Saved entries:
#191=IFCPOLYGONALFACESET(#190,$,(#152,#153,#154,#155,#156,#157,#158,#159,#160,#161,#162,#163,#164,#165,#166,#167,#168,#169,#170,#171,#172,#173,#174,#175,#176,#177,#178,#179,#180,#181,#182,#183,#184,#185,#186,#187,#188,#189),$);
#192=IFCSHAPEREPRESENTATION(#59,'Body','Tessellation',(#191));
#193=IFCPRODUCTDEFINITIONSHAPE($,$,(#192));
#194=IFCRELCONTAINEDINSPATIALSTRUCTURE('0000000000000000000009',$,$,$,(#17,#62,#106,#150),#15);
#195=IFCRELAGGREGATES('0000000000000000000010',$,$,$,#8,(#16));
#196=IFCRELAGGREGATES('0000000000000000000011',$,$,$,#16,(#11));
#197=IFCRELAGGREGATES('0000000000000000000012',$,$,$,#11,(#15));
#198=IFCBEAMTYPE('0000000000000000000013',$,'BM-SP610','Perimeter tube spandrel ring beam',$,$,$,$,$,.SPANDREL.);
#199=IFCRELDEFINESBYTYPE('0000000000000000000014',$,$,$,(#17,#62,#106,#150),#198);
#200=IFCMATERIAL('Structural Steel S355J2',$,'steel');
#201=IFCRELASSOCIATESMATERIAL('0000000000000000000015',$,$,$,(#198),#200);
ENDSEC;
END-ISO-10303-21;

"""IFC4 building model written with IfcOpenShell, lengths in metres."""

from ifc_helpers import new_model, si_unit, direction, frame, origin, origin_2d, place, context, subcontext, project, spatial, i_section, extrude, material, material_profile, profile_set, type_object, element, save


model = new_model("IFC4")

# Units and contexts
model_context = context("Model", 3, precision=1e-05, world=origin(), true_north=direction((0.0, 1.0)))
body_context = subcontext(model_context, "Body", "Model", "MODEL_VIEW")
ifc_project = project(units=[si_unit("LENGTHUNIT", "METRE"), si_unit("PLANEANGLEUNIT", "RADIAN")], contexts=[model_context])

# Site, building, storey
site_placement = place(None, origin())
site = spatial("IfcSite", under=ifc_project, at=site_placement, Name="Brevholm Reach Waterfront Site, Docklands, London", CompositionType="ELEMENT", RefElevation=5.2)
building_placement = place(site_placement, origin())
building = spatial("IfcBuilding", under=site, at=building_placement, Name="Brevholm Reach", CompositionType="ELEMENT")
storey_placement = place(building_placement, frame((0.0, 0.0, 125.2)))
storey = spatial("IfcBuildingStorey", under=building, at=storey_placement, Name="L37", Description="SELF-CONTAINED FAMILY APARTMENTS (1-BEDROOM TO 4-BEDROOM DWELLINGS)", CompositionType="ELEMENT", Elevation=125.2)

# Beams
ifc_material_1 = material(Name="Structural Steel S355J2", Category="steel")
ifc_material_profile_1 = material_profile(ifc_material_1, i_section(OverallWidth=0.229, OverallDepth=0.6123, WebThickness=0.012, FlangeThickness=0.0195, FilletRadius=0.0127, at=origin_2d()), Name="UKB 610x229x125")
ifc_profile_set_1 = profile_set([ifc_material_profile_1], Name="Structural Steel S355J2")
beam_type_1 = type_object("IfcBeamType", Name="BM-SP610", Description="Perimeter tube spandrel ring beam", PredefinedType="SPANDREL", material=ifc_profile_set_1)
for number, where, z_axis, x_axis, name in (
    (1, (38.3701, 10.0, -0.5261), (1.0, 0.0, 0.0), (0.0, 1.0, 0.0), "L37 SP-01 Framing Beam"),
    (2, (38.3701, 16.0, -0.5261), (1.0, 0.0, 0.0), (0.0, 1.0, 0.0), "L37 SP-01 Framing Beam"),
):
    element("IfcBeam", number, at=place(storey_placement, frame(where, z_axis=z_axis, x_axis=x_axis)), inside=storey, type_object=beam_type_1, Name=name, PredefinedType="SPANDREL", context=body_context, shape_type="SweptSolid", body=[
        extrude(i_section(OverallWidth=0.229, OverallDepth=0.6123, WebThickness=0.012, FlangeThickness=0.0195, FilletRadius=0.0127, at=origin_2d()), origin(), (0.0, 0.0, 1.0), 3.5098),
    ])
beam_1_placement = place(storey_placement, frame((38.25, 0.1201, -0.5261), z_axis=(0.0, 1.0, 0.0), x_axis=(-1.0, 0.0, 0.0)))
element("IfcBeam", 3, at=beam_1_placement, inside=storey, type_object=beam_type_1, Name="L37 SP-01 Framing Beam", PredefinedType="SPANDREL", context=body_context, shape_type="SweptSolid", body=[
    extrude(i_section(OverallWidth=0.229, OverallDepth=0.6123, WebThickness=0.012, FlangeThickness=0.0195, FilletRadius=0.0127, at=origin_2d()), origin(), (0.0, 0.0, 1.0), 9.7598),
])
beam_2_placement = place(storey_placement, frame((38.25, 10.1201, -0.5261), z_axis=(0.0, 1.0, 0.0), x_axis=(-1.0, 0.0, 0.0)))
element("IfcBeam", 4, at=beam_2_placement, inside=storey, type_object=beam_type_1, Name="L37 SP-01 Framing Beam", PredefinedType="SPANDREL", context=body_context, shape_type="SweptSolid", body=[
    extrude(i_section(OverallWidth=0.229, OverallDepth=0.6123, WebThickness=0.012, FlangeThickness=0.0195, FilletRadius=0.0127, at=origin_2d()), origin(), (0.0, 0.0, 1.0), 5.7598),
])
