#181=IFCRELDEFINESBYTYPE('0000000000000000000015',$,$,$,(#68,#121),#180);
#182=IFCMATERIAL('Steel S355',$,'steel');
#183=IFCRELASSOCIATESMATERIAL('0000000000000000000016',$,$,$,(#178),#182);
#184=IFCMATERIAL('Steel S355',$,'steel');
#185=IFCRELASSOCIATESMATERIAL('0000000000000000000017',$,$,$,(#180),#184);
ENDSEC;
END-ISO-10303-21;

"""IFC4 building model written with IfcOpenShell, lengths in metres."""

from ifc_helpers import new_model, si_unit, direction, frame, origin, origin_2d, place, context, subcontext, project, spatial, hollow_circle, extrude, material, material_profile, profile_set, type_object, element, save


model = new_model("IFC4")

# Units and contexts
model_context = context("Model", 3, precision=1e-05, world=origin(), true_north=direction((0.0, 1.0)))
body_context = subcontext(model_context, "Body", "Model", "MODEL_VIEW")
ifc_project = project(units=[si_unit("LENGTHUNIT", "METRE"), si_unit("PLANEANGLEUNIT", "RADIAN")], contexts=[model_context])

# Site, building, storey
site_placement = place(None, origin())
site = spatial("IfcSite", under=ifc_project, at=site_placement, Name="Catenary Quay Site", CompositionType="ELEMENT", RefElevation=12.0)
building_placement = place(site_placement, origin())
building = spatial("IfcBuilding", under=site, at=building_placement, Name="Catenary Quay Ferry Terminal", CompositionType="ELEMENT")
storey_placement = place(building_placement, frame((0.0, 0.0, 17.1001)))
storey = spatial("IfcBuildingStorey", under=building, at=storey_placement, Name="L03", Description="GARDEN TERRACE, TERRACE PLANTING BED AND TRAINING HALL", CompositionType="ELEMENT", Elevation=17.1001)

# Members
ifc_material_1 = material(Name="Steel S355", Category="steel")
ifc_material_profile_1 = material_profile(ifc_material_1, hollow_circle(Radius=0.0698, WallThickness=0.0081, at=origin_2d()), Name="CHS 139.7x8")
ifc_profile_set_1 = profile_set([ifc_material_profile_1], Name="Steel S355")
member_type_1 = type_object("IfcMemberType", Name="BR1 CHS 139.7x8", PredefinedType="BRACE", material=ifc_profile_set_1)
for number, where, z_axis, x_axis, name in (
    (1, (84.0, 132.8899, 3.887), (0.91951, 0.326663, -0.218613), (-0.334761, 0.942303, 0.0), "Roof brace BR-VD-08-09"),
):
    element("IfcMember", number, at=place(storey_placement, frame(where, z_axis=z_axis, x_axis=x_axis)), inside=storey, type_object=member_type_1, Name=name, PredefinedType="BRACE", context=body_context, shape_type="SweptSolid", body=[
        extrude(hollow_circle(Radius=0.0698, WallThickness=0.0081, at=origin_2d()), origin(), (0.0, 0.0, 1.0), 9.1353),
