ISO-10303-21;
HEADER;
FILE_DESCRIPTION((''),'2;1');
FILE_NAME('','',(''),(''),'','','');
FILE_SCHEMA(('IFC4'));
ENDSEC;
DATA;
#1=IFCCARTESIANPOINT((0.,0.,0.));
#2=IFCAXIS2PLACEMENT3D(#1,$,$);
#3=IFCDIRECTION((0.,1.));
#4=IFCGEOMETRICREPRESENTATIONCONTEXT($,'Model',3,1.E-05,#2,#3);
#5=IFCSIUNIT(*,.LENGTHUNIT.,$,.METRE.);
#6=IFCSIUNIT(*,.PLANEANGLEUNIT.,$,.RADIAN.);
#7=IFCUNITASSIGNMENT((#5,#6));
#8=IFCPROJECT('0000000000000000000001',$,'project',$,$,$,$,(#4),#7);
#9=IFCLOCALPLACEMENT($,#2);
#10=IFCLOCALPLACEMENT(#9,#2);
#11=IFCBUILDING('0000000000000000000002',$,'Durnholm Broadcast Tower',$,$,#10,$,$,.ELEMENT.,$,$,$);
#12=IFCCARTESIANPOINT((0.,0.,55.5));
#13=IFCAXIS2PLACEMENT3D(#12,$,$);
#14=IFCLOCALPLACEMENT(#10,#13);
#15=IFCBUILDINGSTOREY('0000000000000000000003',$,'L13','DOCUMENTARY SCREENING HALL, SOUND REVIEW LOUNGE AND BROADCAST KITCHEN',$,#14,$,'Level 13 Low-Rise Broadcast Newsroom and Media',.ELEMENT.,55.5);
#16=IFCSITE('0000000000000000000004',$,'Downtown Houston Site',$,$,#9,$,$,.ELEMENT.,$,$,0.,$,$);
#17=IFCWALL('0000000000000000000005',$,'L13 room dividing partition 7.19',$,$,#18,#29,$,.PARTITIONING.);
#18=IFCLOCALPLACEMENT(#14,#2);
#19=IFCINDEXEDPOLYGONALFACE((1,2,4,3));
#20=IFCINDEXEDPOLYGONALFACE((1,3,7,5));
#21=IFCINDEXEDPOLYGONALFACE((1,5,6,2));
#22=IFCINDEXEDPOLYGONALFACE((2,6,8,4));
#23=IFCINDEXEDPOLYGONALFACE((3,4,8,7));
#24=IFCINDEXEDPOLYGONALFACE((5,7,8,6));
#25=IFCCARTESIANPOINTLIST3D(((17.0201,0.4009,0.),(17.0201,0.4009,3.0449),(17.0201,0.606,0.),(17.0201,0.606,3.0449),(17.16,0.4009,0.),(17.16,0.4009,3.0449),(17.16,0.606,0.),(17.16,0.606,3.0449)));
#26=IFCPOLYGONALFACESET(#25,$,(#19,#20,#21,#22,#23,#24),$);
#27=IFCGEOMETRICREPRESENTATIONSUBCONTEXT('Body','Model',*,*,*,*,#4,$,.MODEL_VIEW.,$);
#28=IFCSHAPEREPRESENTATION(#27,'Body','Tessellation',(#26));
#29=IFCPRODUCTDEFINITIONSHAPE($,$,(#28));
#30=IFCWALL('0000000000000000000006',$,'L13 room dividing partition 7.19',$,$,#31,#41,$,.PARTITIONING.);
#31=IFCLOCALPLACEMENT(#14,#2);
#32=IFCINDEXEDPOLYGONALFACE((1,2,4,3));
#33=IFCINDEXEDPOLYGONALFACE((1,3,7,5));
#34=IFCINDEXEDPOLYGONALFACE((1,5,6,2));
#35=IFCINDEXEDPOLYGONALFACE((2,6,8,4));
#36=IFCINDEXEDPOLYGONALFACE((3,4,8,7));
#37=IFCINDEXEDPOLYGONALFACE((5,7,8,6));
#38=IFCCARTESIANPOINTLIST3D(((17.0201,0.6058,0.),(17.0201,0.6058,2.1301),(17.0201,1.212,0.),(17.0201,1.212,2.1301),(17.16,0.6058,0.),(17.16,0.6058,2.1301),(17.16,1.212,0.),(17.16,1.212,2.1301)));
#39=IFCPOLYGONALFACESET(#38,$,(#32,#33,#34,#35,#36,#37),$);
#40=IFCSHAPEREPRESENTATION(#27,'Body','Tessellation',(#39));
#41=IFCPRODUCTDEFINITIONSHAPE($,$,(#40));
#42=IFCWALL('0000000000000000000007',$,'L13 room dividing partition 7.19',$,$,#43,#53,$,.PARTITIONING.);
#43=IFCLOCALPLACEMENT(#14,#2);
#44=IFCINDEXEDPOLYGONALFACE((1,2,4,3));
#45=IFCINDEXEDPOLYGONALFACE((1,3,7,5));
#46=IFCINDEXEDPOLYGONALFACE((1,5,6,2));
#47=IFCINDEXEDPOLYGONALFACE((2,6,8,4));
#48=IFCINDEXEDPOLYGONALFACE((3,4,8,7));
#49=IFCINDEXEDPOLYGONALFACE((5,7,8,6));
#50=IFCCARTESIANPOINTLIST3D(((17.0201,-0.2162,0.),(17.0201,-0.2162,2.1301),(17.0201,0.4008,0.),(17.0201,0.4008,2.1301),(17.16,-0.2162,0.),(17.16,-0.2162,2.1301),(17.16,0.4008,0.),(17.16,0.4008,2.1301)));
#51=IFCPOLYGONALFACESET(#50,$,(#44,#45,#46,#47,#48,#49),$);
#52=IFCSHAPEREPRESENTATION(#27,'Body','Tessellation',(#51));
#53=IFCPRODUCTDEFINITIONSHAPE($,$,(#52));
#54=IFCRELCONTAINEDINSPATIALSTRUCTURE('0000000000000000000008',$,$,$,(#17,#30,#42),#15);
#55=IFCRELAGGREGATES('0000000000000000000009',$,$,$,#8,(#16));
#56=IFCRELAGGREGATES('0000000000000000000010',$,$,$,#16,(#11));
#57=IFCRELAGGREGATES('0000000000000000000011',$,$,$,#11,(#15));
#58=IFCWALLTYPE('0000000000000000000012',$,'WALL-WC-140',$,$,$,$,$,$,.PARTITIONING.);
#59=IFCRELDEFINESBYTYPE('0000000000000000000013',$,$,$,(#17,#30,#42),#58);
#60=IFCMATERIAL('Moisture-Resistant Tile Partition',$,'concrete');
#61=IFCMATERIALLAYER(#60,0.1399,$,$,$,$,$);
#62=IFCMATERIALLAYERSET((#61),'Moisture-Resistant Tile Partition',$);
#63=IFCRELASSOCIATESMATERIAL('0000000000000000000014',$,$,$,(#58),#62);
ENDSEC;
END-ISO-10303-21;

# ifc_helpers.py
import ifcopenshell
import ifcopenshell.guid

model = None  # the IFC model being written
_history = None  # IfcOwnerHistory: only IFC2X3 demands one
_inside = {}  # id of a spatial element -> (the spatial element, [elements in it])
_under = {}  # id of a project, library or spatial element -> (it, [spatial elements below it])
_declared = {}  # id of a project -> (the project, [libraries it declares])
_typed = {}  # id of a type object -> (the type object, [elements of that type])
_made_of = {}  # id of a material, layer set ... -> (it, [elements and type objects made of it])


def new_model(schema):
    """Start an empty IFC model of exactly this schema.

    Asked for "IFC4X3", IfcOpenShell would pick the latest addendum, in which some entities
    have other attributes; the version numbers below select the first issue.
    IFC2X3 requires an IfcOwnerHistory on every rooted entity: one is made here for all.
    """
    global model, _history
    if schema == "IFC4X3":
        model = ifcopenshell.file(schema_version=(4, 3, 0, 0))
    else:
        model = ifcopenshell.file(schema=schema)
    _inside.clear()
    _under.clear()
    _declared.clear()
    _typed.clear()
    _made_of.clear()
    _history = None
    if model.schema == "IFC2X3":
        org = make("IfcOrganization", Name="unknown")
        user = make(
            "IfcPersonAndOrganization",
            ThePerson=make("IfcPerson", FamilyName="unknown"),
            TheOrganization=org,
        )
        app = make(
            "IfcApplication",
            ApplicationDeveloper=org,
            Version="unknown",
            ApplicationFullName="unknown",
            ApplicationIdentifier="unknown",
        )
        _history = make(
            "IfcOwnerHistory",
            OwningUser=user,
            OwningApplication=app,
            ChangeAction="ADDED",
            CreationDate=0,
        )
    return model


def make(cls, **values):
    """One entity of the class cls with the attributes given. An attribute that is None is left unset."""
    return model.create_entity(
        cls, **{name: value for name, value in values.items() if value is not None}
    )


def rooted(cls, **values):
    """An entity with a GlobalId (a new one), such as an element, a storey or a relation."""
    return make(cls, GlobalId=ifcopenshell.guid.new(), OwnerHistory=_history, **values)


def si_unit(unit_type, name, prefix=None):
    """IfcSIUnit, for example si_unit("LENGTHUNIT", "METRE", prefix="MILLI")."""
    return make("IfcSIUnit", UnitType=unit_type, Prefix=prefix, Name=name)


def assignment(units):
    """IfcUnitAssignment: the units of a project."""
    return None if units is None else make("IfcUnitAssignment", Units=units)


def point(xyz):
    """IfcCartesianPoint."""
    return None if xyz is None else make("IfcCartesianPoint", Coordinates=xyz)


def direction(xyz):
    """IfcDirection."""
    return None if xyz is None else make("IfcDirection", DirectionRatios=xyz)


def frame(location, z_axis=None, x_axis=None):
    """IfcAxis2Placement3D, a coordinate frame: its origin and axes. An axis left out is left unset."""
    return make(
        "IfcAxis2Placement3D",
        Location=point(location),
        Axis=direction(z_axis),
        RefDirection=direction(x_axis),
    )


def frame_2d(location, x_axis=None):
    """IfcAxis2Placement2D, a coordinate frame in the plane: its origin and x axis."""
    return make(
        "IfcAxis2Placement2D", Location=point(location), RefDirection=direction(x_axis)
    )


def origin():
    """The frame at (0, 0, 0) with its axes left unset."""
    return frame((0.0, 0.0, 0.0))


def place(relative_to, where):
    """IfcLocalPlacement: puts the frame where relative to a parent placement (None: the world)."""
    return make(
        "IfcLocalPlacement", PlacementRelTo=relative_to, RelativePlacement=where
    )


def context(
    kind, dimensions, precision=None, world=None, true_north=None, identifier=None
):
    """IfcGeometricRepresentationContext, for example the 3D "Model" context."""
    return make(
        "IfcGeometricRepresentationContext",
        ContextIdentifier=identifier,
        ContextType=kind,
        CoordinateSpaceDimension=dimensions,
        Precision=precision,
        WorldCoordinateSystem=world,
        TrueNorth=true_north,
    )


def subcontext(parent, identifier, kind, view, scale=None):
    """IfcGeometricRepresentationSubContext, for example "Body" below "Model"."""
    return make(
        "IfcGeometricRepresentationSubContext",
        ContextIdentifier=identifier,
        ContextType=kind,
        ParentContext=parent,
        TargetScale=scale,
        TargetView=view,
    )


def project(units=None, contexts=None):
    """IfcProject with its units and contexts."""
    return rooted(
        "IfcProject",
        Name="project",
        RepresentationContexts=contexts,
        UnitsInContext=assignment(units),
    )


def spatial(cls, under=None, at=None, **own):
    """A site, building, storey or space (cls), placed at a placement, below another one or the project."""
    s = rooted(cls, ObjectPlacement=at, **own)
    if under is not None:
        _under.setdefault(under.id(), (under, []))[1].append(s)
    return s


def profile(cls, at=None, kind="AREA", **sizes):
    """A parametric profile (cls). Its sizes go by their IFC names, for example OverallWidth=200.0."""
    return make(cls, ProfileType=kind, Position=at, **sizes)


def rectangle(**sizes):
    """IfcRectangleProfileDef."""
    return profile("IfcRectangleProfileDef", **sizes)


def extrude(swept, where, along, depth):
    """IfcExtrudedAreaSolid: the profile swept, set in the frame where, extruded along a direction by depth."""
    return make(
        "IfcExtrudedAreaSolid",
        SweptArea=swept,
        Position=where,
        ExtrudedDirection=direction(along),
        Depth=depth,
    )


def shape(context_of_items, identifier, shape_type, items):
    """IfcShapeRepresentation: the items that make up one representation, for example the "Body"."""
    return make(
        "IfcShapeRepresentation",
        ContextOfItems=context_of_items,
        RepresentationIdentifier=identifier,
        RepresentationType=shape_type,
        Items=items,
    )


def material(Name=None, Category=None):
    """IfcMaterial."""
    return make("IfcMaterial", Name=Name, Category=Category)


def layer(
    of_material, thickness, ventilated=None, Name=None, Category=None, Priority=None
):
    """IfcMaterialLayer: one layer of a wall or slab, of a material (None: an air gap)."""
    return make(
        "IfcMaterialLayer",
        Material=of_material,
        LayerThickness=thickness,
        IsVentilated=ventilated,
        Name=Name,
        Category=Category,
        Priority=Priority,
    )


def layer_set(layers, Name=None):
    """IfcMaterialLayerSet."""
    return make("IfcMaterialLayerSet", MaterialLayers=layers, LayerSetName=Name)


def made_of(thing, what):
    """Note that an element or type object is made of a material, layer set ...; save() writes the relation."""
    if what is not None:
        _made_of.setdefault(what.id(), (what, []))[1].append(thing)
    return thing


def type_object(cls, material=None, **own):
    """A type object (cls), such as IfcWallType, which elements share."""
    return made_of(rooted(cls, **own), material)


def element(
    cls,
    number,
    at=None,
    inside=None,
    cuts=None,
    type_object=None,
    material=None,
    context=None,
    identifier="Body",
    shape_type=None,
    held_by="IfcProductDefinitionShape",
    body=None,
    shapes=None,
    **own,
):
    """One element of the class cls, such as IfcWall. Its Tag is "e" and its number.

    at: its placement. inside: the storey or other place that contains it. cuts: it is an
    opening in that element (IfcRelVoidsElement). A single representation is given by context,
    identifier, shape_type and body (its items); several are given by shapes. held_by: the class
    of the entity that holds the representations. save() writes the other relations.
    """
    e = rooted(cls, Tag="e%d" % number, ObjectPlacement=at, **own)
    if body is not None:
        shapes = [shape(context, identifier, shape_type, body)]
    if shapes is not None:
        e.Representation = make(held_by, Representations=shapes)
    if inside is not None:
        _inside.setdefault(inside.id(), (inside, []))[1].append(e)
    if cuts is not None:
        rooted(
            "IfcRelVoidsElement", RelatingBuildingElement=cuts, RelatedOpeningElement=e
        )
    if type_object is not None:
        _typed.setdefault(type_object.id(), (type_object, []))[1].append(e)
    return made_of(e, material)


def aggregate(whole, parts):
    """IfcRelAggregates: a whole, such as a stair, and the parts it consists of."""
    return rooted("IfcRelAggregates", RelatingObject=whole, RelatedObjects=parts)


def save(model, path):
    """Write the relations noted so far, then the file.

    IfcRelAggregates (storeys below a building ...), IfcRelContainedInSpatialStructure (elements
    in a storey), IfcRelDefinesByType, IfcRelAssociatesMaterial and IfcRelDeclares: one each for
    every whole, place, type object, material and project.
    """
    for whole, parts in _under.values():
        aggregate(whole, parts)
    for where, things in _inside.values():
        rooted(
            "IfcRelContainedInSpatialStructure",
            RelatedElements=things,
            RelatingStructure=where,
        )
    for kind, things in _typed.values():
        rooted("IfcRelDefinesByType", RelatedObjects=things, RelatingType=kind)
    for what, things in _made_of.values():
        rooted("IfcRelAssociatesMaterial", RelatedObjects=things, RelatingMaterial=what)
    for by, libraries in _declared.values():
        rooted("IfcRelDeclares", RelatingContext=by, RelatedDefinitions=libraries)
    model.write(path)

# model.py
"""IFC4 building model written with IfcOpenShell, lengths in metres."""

from ifc_helpers import new_model, si_unit, direction, frame, frame_2d, origin, place, context, subcontext, project, spatial, rectangle, extrude, material, layer, layer_set, type_object, element, save


model = new_model("IFC4")

# Units and contexts
model_context = context("Model", 3, precision=1e-05, world=origin(), true_north=direction((0.0, 1.0)))
body_context = subcontext(model_context, "Body", "Model", "MODEL_VIEW")
ifc_project = project(units=[si_unit("LENGTHUNIT", "METRE"), si_unit("PLANEANGLEUNIT", "RADIAN")], contexts=[model_context])

# Site, building, storey
site_placement = place(None, origin())
site = spatial("IfcSite", under=ifc_project, at=site_placement, Name="Downtown Houston Site", CompositionType="ELEMENT", RefElevation=0.0)
building_placement = place(site_placement, origin())
building = spatial("IfcBuilding", under=site, at=building_placement, Name="Durnholm Broadcast Tower", CompositionType="ELEMENT")
storey_placement = place(building_placement, frame((0.0, 0.0, 55.5)))
storey = spatial("IfcBuildingStorey", under=building, at=storey_placement, Name="L13", Description="DOCUMENTARY SCREENING HALL, SOUND REVIEW LOUNGE AND BROADCAST KITCHEN", LongName="Level 13 Low-Rise Broadcast Newsroom and Media", CompositionType="ELEMENT", Elevation=55.5)

# Walls
ifc_material_1 = material(Name="Moisture-Resistant Tile Partition", Category="concrete")
ifc_layer_1 = layer(ifc_material_1, 0.1399)
ifc_layer_set_1 = layer_set([ifc_layer_1], Name="Moisture-Resistant Tile Partition")
wall_type_1 = type_object("IfcWallType", Name="WALL-WC-140", PredefinedType="PARTITIONING", material=ifc_layer_set_1)
wall_1_placement = place(storey_placement, frame((17.0901, 0.606, 0.0), z_axis=(0.0, 0.0, 1.0), x_axis=(0.0, -1.0, 0.0)))
element("IfcWall", 1, at=wall_1_placement, inside=storey, type_object=wall_type_1, Name="L13 room dividing partition 7.19", PredefinedType="PARTITIONING", context=body_context, shape_type="SweptSolid", body=[
    extrude(rectangle(XDim=0.2051, YDim=0.1399, at=frame_2d((0.1025, 0.0))), origin(), (0.0, 0.0, 1.0), 3.0449),
])
wall_2_placement = place(storey_placement, frame((17.0901, 1.2122, 0.0), z_axis=(0.0, 0.0, 1.0), x_axis=(0.0, -1.0, 0.0)))
element("IfcWall", 2, at=wall_2_placement, inside=storey, type_object=wall_type_1, Name="L13 room dividing partition 7.19", PredefinedType="PARTITIONING", context=body_context, shape_type="SweptSolid", body=[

**Activity**: Across the records above, return every line that contains the word "RefDirection".

**Reply**:
        RefDirection=direction(x_axis),
        "IfcAxis2Placement2D", Location=point(location), RefDirection=direction(x_axis)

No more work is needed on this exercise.